== Data excerpts ==

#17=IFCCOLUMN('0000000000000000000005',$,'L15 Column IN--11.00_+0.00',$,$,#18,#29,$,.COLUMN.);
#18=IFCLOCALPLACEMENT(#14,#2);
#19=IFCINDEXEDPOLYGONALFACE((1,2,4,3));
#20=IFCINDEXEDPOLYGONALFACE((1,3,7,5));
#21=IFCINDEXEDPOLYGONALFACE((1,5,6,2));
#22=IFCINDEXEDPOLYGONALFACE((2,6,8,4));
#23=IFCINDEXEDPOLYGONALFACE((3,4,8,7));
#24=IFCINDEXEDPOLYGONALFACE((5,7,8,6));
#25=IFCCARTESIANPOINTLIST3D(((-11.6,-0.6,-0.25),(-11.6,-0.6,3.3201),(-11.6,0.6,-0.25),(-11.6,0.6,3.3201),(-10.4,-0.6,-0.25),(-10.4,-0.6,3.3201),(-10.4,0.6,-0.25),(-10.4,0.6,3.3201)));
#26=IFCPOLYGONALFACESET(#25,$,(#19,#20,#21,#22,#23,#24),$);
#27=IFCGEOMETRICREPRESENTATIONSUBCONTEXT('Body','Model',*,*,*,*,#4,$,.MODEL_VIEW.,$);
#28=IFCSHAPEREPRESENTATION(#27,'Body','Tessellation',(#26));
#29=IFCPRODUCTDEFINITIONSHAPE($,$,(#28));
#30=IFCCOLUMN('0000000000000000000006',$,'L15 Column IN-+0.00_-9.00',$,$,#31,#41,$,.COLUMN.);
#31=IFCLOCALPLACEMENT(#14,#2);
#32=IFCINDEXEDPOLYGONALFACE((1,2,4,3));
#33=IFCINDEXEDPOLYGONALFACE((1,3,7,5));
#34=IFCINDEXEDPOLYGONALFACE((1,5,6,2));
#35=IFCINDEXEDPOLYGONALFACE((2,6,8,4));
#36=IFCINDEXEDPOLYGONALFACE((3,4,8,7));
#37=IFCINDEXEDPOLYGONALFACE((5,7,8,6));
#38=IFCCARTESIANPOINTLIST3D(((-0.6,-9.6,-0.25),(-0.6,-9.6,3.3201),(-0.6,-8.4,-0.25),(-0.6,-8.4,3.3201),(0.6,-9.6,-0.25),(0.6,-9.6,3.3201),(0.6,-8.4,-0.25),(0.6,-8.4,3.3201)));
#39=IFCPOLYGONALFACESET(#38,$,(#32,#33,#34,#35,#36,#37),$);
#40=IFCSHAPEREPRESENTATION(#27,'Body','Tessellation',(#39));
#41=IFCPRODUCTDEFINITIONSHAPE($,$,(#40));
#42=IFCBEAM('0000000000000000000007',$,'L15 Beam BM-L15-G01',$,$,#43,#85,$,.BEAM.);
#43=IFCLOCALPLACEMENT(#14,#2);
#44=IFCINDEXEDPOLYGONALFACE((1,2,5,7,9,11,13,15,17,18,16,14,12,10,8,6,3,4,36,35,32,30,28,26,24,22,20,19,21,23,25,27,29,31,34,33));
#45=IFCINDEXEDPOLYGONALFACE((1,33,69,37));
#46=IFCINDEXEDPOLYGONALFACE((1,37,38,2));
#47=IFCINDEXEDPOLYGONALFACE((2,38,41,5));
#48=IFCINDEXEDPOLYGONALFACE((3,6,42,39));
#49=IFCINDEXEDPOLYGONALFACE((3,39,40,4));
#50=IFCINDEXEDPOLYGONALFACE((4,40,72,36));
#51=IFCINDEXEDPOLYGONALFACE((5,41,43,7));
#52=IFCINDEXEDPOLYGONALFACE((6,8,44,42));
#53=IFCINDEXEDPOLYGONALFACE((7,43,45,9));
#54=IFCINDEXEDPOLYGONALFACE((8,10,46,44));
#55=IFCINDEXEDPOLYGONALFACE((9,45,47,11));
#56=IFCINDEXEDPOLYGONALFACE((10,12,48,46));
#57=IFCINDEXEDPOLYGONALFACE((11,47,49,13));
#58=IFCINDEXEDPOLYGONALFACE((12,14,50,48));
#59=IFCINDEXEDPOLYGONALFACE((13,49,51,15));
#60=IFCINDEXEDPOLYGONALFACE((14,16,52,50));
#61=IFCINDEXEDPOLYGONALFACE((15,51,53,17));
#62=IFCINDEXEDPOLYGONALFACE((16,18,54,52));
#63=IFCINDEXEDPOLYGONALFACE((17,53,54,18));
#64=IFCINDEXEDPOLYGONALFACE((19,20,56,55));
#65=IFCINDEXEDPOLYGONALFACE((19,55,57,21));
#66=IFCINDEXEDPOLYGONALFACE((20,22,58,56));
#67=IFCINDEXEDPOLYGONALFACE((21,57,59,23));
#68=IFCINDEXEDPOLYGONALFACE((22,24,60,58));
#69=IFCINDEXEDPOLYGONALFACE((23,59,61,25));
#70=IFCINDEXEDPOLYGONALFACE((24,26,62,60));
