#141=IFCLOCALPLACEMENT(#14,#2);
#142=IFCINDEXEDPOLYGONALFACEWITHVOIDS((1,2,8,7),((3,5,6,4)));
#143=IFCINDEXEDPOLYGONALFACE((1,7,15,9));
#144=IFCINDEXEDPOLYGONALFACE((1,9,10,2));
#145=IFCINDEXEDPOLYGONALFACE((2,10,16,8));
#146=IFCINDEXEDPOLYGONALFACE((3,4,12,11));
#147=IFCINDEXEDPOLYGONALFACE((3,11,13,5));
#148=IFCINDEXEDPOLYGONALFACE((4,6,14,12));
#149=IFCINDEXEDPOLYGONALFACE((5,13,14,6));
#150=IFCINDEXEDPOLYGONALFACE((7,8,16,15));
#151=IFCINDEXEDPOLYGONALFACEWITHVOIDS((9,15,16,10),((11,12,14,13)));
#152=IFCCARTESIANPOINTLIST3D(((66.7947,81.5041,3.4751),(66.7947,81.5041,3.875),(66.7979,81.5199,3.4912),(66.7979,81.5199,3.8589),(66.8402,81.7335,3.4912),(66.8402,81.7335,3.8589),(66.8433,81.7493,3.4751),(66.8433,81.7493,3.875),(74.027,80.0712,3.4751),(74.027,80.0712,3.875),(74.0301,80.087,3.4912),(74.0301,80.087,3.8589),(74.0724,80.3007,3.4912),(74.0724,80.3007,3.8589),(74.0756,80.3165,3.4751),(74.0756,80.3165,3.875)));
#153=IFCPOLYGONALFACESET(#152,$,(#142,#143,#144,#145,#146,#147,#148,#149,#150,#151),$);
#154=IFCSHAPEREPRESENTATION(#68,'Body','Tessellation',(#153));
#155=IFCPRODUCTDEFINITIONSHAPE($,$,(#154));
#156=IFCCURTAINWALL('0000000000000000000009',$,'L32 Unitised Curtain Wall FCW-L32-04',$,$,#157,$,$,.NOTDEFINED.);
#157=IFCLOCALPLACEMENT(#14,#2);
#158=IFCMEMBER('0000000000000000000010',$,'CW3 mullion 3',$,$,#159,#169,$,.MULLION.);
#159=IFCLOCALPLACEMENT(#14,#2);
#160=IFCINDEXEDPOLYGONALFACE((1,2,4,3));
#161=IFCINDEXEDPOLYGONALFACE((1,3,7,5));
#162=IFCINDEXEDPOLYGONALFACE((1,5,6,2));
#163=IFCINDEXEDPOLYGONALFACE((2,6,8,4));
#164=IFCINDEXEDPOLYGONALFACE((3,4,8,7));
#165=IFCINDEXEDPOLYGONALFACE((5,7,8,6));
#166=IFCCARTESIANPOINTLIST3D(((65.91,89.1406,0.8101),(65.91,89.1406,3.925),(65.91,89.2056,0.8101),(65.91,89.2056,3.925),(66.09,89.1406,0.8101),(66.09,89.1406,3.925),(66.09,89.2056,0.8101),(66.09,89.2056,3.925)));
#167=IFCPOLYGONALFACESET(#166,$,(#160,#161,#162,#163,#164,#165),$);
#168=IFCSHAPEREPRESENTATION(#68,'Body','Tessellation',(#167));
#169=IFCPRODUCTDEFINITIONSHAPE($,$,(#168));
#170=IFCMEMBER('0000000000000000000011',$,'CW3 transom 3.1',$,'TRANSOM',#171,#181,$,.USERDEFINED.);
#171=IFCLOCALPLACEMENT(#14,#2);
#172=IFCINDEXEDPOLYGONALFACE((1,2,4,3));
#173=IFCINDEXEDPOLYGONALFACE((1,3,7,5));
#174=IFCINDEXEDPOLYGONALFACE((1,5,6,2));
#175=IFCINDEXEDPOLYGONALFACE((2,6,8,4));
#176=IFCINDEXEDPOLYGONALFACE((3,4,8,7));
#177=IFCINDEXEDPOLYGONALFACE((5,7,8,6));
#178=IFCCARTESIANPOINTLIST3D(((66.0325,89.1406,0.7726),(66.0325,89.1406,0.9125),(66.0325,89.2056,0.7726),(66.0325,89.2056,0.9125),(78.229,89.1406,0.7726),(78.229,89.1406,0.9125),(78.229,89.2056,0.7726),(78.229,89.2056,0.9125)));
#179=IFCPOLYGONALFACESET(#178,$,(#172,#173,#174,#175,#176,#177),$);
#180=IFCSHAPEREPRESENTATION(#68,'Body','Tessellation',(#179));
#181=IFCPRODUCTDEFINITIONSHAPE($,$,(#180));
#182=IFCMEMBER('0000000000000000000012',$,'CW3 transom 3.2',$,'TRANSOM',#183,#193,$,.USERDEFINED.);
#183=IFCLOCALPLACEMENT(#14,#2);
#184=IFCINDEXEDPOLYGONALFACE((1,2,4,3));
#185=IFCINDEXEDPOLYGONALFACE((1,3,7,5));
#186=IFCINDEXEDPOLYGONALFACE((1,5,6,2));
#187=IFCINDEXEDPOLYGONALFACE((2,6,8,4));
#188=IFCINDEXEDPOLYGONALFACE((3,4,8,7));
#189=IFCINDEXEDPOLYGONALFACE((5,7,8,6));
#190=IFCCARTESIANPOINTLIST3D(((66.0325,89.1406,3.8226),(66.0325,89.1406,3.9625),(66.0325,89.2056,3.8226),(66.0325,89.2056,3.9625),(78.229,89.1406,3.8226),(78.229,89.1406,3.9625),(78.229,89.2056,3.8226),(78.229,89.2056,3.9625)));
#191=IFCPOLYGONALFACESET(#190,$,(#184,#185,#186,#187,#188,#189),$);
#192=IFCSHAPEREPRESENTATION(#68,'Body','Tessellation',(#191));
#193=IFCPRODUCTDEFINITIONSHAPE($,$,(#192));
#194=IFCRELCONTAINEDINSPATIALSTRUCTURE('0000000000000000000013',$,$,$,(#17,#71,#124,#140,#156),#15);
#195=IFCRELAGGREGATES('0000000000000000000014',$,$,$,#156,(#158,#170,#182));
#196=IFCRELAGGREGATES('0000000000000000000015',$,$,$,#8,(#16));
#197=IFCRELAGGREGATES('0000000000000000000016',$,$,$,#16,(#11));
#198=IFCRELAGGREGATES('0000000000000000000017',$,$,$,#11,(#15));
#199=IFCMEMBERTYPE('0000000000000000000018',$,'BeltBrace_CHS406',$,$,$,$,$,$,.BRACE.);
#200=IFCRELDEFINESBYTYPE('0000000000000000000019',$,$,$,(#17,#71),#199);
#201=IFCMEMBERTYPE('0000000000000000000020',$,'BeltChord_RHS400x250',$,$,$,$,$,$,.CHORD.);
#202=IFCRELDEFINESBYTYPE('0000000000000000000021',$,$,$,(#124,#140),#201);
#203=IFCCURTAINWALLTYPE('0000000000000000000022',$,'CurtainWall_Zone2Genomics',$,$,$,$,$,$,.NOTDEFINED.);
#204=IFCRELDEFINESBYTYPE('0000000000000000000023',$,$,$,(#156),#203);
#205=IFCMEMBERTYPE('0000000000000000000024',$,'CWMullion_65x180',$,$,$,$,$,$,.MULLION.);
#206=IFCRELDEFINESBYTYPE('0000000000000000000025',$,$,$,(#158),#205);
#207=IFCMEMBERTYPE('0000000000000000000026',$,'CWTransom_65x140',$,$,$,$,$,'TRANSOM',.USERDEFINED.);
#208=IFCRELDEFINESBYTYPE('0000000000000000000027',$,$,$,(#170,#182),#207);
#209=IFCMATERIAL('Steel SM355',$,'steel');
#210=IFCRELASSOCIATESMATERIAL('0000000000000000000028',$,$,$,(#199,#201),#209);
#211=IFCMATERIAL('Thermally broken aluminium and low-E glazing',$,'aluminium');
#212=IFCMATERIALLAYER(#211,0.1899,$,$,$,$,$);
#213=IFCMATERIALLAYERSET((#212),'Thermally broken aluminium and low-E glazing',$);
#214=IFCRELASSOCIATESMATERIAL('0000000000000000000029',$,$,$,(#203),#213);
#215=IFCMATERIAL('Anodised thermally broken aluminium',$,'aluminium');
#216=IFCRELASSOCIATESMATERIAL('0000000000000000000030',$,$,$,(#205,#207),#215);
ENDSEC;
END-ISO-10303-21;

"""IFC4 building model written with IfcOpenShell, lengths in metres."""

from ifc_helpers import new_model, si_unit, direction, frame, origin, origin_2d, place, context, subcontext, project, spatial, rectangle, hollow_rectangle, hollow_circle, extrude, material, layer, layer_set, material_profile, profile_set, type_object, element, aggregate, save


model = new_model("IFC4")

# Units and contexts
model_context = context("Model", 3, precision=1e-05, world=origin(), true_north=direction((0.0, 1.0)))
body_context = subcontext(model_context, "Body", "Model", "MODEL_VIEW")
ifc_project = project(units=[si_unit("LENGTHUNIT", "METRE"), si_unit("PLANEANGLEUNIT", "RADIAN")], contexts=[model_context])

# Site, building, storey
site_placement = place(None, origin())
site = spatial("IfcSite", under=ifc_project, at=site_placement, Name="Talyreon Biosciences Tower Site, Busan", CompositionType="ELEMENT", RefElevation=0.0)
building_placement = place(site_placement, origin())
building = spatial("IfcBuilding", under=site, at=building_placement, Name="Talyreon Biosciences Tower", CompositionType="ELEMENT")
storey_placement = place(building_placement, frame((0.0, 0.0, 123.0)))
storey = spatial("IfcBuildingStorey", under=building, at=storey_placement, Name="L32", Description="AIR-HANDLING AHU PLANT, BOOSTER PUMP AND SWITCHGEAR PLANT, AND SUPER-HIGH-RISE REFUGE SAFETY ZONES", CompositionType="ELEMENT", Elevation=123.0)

===

> [Task details] Please filter the listing down to lines that include the word "glazing".

> [Response box]
#211=IFCMATERIAL('Thermally broken aluminium and low-E glazing',$,'aluminium');
#213=IFCMATERIALLAYERSET((#212),'Thermally broken aluminium and low-E glazing',$);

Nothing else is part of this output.